DATASET RECORDS:
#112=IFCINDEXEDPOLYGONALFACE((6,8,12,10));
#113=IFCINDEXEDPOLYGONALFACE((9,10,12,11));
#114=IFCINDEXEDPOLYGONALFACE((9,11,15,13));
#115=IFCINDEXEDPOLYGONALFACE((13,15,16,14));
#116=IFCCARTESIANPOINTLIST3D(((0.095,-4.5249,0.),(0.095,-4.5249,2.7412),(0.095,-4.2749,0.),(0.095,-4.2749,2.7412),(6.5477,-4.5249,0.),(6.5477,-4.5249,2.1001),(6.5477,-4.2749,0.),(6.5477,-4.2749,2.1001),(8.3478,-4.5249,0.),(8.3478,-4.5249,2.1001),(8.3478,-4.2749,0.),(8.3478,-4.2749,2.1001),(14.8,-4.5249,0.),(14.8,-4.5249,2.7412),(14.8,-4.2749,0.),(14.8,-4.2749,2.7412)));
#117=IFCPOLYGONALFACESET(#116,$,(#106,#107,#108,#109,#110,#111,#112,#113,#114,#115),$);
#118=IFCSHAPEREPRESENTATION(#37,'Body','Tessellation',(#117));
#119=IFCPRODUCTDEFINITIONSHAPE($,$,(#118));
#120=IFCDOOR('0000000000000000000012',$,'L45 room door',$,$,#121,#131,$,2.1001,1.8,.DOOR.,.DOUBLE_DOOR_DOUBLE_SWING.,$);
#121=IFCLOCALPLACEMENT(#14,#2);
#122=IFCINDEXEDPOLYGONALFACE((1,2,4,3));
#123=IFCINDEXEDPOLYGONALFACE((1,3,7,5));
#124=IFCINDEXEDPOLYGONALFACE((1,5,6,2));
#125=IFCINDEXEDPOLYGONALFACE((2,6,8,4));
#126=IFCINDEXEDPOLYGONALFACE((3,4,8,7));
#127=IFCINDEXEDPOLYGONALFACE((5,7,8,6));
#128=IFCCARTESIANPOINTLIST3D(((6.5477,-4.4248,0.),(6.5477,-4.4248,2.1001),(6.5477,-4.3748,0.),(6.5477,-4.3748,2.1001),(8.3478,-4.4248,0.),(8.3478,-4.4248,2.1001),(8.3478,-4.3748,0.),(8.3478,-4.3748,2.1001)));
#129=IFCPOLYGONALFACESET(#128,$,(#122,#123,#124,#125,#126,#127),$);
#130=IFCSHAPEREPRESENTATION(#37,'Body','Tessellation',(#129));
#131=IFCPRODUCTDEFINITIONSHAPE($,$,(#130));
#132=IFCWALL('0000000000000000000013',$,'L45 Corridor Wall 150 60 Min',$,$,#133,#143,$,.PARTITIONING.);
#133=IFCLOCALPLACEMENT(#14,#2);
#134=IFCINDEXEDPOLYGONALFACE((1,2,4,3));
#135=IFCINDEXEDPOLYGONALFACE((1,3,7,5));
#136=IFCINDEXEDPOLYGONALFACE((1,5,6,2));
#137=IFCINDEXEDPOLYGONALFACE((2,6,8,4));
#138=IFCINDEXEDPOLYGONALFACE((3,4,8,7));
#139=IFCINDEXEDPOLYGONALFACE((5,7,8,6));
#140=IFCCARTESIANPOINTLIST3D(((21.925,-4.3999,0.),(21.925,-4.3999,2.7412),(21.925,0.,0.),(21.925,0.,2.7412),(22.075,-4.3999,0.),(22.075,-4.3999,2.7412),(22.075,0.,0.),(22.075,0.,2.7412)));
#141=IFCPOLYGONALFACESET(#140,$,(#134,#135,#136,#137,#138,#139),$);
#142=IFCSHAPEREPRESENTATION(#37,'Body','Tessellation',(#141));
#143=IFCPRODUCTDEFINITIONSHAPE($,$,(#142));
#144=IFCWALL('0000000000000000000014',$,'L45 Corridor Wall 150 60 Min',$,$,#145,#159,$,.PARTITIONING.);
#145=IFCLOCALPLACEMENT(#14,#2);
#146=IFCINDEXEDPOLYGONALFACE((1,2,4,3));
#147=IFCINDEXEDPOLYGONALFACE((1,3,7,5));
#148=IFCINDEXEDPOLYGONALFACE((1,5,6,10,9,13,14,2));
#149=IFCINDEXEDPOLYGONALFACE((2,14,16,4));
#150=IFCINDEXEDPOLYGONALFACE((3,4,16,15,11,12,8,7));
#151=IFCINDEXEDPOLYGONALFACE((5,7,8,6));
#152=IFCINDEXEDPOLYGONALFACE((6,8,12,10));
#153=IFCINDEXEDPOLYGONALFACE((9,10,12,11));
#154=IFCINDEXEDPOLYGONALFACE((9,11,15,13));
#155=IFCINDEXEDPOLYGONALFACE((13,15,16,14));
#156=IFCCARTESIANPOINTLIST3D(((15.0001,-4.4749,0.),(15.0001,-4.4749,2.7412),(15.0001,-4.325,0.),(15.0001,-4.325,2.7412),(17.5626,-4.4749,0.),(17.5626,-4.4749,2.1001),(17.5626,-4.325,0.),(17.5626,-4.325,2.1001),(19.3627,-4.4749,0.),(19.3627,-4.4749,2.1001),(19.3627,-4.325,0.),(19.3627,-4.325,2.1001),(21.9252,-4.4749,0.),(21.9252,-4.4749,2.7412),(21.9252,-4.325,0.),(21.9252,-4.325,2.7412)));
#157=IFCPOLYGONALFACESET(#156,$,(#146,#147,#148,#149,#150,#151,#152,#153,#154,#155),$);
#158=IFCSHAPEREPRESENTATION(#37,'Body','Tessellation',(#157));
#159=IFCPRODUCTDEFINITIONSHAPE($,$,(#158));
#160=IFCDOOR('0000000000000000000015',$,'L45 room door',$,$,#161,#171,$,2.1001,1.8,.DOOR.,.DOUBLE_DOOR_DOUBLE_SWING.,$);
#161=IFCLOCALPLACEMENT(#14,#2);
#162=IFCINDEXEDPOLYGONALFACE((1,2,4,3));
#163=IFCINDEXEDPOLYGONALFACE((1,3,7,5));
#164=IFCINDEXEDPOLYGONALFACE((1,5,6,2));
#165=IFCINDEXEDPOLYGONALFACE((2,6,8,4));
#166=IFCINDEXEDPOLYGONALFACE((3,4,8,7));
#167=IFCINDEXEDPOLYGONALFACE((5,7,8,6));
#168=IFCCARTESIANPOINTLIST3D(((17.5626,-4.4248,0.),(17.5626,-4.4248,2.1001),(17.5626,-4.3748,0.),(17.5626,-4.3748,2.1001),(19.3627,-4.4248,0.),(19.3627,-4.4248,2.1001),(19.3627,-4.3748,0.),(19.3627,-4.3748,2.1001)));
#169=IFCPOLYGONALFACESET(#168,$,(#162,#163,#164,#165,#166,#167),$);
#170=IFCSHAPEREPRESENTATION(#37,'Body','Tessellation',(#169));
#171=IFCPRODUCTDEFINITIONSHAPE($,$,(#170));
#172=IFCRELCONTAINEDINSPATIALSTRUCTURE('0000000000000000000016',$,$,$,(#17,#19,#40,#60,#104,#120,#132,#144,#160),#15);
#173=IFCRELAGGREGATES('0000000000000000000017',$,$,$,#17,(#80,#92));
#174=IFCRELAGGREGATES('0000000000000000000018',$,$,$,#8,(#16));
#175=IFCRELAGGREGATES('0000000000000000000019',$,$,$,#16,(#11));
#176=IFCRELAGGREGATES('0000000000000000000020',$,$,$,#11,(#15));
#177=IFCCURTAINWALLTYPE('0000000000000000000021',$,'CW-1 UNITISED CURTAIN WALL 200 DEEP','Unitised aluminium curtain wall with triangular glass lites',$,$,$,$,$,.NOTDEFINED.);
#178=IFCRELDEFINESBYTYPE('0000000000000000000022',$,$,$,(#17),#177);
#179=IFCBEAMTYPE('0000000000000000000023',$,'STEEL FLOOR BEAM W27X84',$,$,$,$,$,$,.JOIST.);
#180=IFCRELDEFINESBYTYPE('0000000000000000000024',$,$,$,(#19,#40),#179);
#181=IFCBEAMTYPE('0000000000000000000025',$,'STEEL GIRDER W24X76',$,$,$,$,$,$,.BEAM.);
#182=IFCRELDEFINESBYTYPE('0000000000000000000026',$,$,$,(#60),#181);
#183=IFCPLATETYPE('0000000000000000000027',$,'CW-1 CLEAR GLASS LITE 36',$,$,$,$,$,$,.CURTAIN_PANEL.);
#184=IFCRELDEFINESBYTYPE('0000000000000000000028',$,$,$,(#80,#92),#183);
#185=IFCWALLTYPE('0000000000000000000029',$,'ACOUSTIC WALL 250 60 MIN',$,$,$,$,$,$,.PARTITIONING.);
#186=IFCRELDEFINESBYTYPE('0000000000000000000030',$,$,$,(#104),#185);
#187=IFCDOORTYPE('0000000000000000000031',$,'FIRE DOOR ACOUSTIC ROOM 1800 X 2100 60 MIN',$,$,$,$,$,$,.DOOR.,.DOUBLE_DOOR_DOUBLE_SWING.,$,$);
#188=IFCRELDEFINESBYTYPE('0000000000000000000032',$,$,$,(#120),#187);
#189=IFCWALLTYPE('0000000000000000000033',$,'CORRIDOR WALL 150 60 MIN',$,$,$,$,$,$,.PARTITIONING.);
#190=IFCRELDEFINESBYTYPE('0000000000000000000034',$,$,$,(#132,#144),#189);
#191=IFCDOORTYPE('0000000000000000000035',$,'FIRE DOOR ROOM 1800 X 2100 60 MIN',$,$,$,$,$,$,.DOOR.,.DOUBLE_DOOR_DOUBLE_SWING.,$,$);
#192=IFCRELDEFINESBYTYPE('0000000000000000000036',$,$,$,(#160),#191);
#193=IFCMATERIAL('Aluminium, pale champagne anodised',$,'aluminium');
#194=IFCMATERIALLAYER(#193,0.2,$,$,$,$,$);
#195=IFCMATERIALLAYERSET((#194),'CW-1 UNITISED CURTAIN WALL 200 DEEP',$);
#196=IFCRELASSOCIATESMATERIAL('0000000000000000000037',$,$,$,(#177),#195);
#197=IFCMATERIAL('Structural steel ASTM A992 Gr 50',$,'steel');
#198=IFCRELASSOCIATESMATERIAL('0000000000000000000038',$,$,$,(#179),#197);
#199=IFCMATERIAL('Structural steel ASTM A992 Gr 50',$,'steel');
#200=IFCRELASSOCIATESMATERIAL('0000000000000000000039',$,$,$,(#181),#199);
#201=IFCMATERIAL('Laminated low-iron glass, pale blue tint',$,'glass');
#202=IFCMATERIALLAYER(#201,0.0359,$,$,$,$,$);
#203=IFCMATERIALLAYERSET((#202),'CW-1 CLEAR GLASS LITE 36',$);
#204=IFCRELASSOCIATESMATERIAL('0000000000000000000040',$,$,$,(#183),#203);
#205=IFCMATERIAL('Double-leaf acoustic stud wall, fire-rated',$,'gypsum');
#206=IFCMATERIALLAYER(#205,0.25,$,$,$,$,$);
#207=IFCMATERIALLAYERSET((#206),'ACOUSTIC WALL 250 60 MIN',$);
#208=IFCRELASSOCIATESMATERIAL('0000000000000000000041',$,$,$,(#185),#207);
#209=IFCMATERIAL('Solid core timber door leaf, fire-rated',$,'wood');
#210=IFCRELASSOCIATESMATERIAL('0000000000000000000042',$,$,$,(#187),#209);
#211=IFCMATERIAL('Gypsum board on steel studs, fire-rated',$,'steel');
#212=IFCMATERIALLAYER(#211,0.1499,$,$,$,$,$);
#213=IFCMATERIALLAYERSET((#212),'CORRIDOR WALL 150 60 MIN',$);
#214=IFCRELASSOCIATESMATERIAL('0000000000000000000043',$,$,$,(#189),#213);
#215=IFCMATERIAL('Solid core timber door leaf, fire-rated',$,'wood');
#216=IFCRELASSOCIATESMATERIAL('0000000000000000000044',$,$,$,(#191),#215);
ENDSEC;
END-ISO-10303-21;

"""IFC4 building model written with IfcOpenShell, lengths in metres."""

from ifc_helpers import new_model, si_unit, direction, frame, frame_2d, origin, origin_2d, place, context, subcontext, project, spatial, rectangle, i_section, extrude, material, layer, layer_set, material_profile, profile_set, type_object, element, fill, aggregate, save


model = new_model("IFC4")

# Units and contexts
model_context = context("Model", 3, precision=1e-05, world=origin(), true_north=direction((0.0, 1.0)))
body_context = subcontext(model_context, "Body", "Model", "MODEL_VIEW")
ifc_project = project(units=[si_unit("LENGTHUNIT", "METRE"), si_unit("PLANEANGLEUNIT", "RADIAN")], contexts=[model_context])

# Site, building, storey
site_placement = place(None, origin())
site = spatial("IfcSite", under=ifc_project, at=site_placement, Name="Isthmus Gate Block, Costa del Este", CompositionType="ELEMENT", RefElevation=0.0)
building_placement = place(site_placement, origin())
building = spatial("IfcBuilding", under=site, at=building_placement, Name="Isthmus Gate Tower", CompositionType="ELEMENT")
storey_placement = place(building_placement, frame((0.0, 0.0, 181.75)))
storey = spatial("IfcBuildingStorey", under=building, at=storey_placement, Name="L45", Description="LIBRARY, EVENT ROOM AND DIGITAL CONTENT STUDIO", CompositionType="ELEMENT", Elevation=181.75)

TASK TO COMPLETE:
Could you restate word for word the lines above, from the one that contains "#119=IFCPRODUCTDEFINITIONSHAPE($,$,(#118));" through the one that contains "#143=IFCPRODUCTDEFINITIONSHAPE($,$,(#142));", and no others?

REPLY:
#119=IFCPRODUCTDEFINITIONSHAPE($,$,(#118));
#120=IFCDOOR('0000000000000000000012',$,'L45 room door',$,$,#121,#131,$,2.1001,1.8,.DOOR.,.DOUBLE_DOOR_DOUBLE_SWING.,$);
#121=IFCLOCALPLACEMENT(#14,#2);
#122=IFCINDEXEDPOLYGONALFACE((1,2,4,3));
#123=IFCINDEXEDPOLYGONALFACE((1,3,7,5));
#124=IFCINDEXEDPOLYGONALFACE((1,5,6,2));
#125=IFCINDEXEDPOLYGONALFACE((2,6,8,4));
#126=IFCINDEXEDPOLYGONALFACE((3,4,8,7));
#127=IFCINDEXEDPOLYGONALFACE((5,7,8,6));
#128=IFCCARTESIANPOINTLIST3D(((6.5477,-4.4248,0.),(6.5477,-4.4248,2.1001),(6.5477,-4.3748,0.),(6.5477,-4.3748,2.1001),(8.3478,-4.4248,0.),(8.3478,-4.4248,2.1001),(8.3478,-4.3748,0.),(8.3478,-4.3748,2.1001)));
#129=IFCPOLYGONALFACESET(#128,$,(#122,#123,#124,#125,#126,#127),$);
#130=IFCSHAPEREPRESENTATION(#37,'Body','Tessellation',(#129));
#131=IFCPRODUCTDEFINITIONSHAPE($,$,(#130));
#132=IFCWALL('0000000000000000000013',$,'L45 Corridor Wall 150 60 Min',$,$,#133,#143,$,.PARTITIONING.);
#133=IFCLOCALPLACEMENT(#14,#2);
#134=IFCINDEXEDPOLYGONALFACE((1,2,4,3));
#135=IFCINDEXEDPOLYGONALFACE((1,3,7,5));
#136=IFCINDEXEDPOLYGONALFACE((1,5,6,2));
#137=IFCINDEXEDPOLYGONALFACE((2,6,8,4));
#138=IFCINDEXEDPOLYGONALFACE((3,4,8,7));
#139=IFCINDEXEDPOLYGONALFACE((5,7,8,6));
#140=IFCCARTESIANPOINTLIST3D(((21.925,-4.3999,0.),(21.925,-4.3999,2.7412),(21.925,0.,0.),(21.925,0.,2.7412),(22.075,-4.3999,0.),(22.075,-4.3999,2.7412),(22.075,0.,0.),(22.075,0.,2.7412)));
#141=IFCPOLYGONALFACESET(#140,$,(#134,#135,#136,#137,#138,#139),$);
#142=IFCSHAPEREPRESENTATION(#37,'Body','Tessellation',(#141));
#143=IFCPRODUCTDEFINITIONSHAPE($,$,(#142));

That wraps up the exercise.